◆ **YOUR ASSIGNMENT**: Your output should be the line that contains "#49=IFCINDEXEDPOLYGONALFACE((2,4,8,6));" and all lines after it in the records, retyped exactly through the last one.
⁂
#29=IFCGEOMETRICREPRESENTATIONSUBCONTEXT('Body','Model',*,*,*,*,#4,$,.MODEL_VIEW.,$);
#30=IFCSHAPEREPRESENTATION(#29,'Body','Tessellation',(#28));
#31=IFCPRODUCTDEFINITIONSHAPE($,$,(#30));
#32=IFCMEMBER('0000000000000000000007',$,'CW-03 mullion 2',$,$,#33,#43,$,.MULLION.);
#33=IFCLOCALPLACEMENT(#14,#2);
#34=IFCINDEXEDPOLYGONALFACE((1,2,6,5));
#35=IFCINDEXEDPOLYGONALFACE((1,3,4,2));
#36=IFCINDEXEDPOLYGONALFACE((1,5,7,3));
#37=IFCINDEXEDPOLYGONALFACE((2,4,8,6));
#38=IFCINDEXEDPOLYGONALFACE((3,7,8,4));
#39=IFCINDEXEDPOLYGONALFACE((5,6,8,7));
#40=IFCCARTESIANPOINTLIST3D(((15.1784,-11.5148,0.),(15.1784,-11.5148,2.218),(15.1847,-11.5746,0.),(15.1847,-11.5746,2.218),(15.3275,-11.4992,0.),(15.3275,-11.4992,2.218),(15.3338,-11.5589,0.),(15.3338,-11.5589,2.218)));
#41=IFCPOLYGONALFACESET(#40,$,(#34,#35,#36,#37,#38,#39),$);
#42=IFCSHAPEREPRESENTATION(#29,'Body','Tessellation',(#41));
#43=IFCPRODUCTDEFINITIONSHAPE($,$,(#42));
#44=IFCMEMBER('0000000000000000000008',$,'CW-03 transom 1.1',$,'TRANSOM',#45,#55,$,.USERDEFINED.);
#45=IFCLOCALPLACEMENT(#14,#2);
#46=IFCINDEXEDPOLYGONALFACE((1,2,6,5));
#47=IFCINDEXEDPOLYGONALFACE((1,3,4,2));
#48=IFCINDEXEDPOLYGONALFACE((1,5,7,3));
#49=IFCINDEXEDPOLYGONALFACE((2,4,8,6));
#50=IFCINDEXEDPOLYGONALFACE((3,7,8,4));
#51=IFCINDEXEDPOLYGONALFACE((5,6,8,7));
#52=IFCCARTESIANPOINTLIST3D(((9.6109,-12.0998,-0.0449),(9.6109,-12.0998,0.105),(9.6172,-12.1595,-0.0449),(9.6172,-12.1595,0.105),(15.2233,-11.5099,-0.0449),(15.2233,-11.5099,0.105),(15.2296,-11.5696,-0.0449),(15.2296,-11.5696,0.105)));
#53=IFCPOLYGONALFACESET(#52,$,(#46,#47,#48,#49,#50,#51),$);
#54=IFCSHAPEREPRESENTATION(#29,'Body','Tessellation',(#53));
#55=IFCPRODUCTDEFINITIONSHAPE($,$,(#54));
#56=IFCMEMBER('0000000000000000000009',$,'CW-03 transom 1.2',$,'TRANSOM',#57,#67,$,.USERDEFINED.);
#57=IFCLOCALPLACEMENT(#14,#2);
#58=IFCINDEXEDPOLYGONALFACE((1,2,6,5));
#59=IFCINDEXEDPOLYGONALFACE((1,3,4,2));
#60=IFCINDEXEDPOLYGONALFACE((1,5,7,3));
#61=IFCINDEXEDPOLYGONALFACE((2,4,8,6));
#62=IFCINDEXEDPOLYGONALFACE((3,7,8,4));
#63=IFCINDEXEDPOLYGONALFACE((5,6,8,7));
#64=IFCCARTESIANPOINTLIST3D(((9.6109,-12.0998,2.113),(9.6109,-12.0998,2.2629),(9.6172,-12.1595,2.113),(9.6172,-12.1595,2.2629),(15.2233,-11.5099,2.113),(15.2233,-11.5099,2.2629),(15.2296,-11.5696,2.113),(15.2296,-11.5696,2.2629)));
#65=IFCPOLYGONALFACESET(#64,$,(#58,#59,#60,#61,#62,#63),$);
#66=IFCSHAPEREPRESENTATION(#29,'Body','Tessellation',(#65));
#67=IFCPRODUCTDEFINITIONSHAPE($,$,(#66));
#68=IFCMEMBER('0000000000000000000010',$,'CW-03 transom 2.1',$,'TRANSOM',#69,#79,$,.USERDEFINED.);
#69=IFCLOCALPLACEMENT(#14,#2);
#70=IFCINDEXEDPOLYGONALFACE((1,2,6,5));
⁂
◆ **OUTPUT BELOW**:
#49=IFCINDEXEDPOLYGONALFACE((2,4,8,6));
#50=IFCINDEXEDPOLYGONALFACE((3,7,8,4));
#51=IFCINDEXEDPOLYGONALFACE((5,6,8,7));
#52=IFCCARTESIANPOINTLIST3D(((9.6109,-12.0998,-0.0449),(9.6109,-12.0998,0.105),(9.6172,-12.1595,-0.0449),(9.6172,-12.1595,0.105),(15.2233,-11.5099,-0.0449),(15.2233,-11.5099,0.105),(15.2296,-11.5696,-0.0449),(15.2296,-11.5696,0.105)));
#53=IFCPOLYGONALFACESET(#52,$,(#46,#47,#48,#49,#50,#51),$);
#54=IFCSHAPEREPRESENTATION(#29,'Body','Tessellation',(#53));
#55=IFCPRODUCTDEFINITIONSHAPE($,$,(#54));
#56=IFCMEMBER('0000000000000000000009',$,'CW-03 transom 1.2',$,'TRANSOM',#57,#67,$,.USERDEFINED.);
#57=IFCLOCALPLACEMENT(#14,#2);
#58=IFCINDEXEDPOLYGONALFACE((1,2,6,5));
#59=IFCINDEXEDPOLYGONALFACE((1,3,4,2));
#60=IFCINDEXEDPOLYGONALFACE((1,5,7,3));
#61=IFCINDEXEDPOLYGONALFACE((2,4,8,6));
#62=IFCINDEXEDPOLYGONALFACE((3,7,8,4));
#63=IFCINDEXEDPOLYGONALFACE((5,6,8,7));
#64=IFCCARTESIANPOINTLIST3D(((9.6109,-12.0998,2.113),(9.6109,-12.0998,2.2629),(9.6172,-12.1595,2.113),(9.6172,-12.1595,2.2629),(15.2233,-11.5099,2.113),(15.2233,-11.5099,2.2629),(15.2296,-11.5696,2.113),(15.2296,-11.5696,2.2629)));
#65=IFCPOLYGONALFACESET(#64,$,(#58,#59,#60,#61,#62,#63),$);
#66=IFCSHAPEREPRESENTATION(#29,'Body','Tessellation',(#65));
#67=IFCPRODUCTDEFINITIONSHAPE($,$,(#66));
#68=IFCMEMBER('0000000000000000000010',$,'CW-03 transom 2.1',$,'TRANSOM',#69,#79,$,.USERDEFINED.);
#69=IFCLOCALPLACEMENT(#14,#2);
#70=IFCINDEXEDPOLYGONALFACE((1,2,6,5));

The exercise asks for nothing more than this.